#### Dataset:
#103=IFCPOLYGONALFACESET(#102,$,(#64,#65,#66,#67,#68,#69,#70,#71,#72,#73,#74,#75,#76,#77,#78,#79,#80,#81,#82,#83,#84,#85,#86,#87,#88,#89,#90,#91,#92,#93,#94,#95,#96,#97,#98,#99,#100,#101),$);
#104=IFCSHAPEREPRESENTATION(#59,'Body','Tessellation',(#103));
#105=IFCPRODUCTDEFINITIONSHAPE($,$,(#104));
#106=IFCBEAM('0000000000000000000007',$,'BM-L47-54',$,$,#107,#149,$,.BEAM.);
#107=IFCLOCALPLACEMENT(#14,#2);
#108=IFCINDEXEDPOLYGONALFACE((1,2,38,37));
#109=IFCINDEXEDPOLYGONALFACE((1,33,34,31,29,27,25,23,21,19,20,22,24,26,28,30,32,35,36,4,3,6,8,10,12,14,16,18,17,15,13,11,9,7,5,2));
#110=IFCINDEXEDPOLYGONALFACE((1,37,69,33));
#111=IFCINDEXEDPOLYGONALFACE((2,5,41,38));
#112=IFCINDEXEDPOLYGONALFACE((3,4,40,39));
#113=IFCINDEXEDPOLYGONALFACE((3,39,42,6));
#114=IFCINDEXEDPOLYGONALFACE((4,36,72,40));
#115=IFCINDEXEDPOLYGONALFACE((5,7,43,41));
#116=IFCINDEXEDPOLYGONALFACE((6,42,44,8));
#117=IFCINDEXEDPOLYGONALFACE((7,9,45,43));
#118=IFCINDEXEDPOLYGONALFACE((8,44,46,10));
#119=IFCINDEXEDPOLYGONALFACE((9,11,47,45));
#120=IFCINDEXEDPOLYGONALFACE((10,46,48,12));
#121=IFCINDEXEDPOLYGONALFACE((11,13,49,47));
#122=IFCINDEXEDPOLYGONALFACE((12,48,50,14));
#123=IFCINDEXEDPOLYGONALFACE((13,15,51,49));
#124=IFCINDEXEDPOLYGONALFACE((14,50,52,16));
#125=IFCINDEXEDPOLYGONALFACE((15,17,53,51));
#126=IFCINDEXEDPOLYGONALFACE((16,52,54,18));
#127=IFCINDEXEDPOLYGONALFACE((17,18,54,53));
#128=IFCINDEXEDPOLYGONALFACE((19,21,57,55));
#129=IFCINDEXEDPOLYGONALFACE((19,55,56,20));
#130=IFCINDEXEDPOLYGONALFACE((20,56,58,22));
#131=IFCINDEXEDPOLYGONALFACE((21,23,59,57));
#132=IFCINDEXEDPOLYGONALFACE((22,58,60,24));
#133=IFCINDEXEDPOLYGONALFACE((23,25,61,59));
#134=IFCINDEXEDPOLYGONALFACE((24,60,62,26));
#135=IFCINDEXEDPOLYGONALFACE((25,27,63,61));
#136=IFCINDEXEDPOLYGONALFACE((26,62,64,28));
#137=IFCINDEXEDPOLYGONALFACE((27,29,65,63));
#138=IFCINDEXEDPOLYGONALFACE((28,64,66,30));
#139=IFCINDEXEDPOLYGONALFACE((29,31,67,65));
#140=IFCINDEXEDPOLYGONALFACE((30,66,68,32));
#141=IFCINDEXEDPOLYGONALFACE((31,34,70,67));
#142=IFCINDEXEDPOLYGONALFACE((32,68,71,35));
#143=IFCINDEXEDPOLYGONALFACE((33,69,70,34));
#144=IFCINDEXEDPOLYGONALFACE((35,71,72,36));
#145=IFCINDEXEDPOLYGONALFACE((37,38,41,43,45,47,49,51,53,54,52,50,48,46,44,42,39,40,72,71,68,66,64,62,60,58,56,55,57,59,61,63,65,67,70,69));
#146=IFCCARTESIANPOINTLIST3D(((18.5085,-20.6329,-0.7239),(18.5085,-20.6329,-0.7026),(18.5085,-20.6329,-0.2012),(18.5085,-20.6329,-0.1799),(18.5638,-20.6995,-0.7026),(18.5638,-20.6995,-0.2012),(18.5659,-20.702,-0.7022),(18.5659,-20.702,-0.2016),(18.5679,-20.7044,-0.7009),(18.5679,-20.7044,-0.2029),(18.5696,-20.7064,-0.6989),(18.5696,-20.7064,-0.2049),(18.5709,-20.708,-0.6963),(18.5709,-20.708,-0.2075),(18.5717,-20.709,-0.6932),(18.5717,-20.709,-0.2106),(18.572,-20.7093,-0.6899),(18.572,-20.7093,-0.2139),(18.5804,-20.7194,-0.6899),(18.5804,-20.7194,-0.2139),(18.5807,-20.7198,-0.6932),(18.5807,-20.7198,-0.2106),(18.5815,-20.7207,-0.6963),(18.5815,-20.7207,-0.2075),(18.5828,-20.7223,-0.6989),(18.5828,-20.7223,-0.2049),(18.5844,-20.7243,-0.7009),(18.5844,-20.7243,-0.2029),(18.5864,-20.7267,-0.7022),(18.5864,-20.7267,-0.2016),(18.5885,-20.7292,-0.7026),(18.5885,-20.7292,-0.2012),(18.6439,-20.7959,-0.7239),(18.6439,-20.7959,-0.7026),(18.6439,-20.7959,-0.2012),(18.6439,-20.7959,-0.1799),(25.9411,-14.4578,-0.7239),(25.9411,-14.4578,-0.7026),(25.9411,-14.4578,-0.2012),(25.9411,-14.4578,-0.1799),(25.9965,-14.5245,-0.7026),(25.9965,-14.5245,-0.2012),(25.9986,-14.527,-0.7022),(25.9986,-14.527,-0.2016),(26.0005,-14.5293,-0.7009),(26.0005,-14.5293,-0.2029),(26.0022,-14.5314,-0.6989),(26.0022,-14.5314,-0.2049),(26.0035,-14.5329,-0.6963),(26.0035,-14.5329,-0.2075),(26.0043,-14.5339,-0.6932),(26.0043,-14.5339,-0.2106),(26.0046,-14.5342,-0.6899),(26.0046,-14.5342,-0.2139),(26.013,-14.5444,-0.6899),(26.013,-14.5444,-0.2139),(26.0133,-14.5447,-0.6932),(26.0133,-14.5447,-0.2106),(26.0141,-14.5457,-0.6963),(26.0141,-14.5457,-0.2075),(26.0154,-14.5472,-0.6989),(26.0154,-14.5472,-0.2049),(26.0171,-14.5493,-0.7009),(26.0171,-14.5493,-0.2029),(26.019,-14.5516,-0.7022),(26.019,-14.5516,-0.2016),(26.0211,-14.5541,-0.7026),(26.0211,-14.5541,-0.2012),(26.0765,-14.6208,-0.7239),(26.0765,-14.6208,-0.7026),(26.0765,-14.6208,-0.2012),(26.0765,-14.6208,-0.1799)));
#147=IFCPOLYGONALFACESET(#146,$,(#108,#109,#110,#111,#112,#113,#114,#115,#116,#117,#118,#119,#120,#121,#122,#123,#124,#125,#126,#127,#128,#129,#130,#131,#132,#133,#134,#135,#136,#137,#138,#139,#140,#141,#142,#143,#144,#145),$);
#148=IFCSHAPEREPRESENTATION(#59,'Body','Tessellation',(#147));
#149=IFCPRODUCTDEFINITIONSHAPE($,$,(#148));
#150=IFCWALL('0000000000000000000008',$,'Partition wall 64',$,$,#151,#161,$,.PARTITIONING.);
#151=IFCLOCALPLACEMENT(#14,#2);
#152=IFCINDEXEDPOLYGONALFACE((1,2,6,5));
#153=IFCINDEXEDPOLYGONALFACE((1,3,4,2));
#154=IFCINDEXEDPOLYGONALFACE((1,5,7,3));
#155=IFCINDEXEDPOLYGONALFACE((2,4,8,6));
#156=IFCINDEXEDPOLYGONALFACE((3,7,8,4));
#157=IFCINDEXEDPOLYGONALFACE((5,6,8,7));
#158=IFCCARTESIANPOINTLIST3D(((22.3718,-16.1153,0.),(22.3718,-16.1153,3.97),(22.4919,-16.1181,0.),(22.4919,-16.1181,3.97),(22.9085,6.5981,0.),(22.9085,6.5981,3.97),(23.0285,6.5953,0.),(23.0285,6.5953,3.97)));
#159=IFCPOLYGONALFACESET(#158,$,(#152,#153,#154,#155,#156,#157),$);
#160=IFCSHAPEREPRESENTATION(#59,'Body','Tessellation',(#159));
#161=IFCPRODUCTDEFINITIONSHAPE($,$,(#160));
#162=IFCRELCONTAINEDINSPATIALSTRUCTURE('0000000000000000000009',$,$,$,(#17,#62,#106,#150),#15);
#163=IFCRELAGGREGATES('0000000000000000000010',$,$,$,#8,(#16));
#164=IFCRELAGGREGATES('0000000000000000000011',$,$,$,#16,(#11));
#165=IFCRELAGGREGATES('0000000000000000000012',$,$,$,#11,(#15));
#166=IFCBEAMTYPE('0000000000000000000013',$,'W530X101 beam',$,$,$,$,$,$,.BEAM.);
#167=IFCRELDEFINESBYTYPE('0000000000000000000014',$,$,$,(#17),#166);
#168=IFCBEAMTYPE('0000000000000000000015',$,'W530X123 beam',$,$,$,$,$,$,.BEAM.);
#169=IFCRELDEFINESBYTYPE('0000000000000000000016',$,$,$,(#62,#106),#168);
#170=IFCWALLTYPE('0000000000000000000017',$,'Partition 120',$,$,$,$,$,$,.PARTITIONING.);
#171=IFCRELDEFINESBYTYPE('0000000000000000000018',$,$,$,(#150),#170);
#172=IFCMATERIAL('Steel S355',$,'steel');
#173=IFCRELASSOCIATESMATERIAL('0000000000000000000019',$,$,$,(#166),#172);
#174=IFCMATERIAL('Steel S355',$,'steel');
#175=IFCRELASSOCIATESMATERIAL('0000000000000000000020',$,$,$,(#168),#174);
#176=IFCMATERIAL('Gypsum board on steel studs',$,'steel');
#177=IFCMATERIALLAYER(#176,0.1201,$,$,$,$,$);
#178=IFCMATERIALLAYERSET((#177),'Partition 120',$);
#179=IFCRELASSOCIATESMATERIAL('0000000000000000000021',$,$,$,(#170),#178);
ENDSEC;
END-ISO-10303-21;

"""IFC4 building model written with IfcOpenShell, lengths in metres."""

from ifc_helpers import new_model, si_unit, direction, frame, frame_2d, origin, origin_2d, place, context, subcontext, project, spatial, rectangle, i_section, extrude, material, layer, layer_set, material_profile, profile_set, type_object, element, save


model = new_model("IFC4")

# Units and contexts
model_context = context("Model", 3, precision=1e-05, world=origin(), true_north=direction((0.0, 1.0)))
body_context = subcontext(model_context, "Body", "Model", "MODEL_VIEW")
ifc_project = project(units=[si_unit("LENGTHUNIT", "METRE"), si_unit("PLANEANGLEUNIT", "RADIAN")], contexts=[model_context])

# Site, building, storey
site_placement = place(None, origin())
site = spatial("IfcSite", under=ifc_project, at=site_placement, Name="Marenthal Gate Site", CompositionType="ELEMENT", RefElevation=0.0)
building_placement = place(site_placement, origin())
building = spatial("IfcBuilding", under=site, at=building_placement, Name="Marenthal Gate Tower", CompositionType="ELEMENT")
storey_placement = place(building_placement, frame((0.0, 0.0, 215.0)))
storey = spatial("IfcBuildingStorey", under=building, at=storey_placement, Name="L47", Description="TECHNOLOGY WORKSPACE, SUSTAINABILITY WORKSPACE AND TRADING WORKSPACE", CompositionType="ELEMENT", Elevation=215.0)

#### Your goal:
Copy the entries above exactly, but only from the line holding "#154=IFCINDEXEDPOLYGONALFACE((1,5,7,3));" through the line holding "#164=IFCRELAGGREGATES('0000000000000000000011',$,$,$,#16,(#11));", both included.

#### Result of the task:
#154=IFCINDEXEDPOLYGONALFACE((1,5,7,3));
#155=IFCINDEXEDPOLYGONALFACE((2,4,8,6));
#156=IFCINDEXEDPOLYGONALFACE((3,7,8,4));
#157=IFCINDEXEDPOLYGONALFACE((5,6,8,7));
#158=IFCCARTESIANPOINTLIST3D(((22.3718,-16.1153,0.),(22.3718,-16.1153,3.97),(22.4919,-16.1181,0.),(22.4919,-16.1181,3.97),(22.9085,6.5981,0.),(22.9085,6.5981,3.97),(23.0285,6.5953,0.),(23.0285,6.5953,3.97)));
#159=IFCPOLYGONALFACESET(#158,$,(#152,#153,#154,#155,#156,#157),$);
#160=IFCSHAPEREPRESENTATION(#59,'Body','Tessellation',(#159));
#161=IFCPRODUCTDEFINITIONSHAPE($,$,(#160));
#162=IFCRELCONTAINEDINSPATIALSTRUCTURE('0000000000000000000009',$,$,$,(#17,#62,#106,#150),#15);
#163=IFCRELAGGREGATES('0000000000000000000010',$,$,$,#8,(#16));
#164=IFCRELAGGREGATES('0000000000000000000011',$,$,$,#16,(#11));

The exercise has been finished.